-- Your task --
Determine how many lines in the records hold "Tessellation", then give that number by itself.

-- Data supplied --
= = = = = = =

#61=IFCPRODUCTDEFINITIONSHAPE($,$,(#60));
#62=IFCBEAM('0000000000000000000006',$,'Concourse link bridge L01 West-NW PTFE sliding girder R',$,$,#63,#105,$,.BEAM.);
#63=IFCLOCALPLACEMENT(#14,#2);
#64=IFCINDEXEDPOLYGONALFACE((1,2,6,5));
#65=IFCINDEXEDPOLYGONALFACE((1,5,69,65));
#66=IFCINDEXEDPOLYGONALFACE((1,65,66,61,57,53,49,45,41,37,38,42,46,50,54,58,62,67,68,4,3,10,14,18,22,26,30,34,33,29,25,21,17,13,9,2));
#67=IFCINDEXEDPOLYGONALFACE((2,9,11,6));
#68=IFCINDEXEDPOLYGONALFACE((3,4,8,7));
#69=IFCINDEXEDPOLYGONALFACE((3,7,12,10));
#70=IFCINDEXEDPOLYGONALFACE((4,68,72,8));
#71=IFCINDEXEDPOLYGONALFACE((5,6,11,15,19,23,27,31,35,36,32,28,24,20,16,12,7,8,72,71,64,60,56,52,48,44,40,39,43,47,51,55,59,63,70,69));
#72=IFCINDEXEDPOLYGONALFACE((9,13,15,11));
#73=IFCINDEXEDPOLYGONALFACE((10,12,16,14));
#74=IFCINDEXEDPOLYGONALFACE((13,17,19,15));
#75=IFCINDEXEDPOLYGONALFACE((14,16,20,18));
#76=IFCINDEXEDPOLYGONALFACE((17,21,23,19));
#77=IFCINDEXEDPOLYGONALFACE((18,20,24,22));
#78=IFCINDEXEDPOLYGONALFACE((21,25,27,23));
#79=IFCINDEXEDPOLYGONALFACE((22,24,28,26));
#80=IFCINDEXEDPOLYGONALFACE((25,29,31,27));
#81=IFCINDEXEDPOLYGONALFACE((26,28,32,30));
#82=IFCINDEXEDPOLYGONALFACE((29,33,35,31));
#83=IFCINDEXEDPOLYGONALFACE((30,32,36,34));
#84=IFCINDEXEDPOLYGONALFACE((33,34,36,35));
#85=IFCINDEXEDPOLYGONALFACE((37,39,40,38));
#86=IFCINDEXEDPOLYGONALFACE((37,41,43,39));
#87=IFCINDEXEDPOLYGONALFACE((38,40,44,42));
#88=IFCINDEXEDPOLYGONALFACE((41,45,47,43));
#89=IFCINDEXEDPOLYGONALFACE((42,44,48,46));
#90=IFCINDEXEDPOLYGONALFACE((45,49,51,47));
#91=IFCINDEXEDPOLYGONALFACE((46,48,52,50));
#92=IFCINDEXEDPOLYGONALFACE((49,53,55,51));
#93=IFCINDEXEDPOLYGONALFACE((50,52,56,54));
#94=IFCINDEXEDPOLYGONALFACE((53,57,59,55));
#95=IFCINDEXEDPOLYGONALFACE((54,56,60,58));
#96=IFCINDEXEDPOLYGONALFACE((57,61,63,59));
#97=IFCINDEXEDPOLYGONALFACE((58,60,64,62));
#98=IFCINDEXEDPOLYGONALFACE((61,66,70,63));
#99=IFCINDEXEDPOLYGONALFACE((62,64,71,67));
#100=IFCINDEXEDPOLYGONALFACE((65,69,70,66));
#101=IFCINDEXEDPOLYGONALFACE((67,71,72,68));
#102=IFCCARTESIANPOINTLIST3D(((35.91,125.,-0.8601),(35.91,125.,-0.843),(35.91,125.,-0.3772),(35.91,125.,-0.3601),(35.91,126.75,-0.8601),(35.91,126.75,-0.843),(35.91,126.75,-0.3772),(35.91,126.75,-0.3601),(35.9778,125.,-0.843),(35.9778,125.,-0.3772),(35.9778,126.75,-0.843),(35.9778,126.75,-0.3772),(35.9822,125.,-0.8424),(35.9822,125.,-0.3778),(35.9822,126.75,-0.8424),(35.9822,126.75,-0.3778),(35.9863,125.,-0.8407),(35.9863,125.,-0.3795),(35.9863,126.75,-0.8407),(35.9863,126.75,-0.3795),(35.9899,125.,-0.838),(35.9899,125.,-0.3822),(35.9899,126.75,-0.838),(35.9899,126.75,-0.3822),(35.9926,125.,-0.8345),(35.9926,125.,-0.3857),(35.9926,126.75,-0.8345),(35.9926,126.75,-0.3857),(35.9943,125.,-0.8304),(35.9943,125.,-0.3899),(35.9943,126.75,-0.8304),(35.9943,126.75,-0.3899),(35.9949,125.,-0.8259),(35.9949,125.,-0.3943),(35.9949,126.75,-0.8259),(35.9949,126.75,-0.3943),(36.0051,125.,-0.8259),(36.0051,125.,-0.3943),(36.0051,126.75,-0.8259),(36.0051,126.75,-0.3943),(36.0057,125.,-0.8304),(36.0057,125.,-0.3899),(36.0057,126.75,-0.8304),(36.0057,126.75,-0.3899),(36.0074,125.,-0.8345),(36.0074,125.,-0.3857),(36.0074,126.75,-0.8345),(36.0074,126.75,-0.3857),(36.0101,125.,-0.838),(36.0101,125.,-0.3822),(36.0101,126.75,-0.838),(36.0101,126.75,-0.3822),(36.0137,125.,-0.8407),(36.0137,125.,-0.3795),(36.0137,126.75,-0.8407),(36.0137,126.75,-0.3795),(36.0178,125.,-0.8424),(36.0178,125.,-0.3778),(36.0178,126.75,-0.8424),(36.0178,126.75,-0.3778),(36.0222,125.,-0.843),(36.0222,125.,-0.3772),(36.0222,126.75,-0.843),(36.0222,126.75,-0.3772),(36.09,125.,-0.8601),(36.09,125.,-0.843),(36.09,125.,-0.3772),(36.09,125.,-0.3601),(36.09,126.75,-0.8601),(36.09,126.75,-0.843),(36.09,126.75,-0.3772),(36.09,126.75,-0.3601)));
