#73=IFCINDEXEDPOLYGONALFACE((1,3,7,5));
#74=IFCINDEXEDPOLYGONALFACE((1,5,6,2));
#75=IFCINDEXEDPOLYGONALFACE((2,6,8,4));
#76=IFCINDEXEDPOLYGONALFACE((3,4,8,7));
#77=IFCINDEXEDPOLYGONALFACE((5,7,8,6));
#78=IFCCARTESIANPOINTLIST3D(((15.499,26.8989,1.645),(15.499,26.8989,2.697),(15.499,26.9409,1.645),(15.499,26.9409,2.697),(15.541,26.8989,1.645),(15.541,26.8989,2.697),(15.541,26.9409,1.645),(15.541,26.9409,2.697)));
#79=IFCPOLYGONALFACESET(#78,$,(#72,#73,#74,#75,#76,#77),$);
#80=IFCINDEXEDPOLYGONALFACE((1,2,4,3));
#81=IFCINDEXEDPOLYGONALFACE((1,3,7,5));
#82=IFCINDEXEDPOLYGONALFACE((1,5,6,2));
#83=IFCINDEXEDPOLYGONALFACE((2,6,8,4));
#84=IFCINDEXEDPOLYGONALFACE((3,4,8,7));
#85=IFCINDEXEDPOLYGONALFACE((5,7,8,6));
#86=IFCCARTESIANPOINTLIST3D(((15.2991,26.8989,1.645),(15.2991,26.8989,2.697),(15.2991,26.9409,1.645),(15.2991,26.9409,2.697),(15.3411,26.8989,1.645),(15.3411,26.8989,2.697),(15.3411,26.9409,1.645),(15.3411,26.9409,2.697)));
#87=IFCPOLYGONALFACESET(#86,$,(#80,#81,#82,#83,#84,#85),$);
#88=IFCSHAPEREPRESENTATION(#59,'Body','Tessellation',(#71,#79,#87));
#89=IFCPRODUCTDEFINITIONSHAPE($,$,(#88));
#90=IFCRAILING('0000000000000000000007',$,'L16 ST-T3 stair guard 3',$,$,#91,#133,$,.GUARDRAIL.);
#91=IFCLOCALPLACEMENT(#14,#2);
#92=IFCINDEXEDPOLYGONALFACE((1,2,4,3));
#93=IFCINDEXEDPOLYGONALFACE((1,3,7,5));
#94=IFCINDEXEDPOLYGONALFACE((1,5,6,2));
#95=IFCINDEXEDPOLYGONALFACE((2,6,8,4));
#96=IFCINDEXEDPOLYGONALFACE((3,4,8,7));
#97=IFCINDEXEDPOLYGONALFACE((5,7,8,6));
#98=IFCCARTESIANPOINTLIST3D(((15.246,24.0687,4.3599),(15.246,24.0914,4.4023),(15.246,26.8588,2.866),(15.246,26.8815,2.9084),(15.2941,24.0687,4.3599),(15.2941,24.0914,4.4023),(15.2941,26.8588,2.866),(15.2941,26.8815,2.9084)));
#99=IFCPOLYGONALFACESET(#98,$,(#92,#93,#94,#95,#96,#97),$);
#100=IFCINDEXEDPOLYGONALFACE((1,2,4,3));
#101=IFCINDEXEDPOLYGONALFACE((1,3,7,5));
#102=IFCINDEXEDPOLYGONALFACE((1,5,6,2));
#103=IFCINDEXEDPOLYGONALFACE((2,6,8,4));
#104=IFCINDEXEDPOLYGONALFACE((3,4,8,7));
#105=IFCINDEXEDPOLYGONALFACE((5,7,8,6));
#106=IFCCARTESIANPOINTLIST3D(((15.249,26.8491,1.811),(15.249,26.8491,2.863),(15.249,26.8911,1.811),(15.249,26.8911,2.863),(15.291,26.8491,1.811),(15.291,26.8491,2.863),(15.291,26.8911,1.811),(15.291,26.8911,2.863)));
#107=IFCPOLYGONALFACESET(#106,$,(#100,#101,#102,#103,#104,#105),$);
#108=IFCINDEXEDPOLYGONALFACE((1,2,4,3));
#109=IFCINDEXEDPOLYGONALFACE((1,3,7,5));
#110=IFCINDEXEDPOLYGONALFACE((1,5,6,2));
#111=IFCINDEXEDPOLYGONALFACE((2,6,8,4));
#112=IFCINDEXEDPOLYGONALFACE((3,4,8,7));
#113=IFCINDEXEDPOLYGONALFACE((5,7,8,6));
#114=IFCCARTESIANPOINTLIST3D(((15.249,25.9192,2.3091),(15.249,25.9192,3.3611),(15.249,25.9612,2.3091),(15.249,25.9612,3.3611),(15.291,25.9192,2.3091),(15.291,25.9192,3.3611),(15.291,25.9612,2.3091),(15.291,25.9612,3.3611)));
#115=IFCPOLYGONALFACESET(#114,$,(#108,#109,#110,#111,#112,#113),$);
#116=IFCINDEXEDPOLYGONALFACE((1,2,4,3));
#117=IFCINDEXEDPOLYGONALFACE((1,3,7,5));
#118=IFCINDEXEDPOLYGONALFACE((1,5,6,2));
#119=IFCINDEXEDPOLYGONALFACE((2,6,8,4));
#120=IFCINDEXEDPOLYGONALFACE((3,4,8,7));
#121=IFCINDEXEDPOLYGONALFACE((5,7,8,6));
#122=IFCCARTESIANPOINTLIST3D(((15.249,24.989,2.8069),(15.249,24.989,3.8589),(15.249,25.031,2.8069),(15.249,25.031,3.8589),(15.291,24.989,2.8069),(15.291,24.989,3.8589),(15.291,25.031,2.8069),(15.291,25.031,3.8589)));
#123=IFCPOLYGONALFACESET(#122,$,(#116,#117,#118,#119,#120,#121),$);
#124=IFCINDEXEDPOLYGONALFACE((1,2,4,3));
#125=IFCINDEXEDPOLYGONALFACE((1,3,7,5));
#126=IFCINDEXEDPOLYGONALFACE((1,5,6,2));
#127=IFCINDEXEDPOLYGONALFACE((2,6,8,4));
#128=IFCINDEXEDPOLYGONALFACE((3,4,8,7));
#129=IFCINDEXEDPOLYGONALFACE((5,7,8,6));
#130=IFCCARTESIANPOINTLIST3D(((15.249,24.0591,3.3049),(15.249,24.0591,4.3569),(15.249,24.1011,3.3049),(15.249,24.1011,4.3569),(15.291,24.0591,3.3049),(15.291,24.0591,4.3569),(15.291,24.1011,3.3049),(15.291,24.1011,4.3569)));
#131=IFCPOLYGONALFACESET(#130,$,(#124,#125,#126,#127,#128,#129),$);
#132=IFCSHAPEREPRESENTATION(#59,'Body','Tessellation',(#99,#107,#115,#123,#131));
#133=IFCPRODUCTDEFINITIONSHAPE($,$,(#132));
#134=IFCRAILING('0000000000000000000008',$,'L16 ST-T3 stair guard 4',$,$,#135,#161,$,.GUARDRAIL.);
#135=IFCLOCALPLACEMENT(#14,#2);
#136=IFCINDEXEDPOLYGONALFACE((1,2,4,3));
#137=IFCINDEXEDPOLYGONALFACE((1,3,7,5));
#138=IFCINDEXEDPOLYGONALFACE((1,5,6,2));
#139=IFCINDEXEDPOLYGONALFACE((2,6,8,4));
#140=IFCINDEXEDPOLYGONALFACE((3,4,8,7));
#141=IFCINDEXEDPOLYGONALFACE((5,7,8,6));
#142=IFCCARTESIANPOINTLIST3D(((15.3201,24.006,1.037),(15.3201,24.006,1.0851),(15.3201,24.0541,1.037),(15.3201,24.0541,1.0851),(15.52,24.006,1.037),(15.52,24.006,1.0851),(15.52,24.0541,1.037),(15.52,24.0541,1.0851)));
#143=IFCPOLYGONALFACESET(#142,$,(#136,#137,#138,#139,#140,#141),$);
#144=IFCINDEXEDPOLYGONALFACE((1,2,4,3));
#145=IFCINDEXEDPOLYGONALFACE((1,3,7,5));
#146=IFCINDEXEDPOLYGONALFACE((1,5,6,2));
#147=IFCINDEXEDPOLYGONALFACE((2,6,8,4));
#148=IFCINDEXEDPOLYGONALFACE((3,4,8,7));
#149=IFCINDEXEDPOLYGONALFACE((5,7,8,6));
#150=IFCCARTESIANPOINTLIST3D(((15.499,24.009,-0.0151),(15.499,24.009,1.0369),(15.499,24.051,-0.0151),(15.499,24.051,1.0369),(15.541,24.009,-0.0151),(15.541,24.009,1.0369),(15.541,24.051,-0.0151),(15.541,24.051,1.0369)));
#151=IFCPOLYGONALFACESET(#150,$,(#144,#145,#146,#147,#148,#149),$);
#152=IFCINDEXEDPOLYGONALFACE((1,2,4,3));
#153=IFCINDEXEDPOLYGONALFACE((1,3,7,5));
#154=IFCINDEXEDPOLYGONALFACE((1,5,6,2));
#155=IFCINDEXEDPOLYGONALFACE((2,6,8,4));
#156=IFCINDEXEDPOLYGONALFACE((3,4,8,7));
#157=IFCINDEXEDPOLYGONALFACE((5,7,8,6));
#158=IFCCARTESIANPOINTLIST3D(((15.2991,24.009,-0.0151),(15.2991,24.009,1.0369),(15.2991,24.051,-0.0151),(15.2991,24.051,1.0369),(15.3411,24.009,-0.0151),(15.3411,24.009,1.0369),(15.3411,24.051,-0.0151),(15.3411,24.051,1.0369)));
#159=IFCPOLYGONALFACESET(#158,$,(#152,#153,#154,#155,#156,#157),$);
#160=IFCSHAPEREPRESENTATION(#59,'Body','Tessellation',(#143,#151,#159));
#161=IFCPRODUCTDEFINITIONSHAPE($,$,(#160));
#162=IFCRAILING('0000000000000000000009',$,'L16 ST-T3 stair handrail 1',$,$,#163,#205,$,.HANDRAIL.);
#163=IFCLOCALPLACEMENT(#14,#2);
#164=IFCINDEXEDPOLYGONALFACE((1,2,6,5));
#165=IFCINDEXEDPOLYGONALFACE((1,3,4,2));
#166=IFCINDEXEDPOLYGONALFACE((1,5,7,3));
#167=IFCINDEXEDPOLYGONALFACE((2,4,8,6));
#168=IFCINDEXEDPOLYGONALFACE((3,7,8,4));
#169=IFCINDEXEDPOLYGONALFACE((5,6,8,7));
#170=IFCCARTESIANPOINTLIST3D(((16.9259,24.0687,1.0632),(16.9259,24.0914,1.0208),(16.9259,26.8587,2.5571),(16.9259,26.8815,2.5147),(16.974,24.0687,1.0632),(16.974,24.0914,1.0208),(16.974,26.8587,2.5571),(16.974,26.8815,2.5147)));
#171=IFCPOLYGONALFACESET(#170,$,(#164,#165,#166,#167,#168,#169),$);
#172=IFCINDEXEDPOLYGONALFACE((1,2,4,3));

= = = = = = =

-- Completed task --
3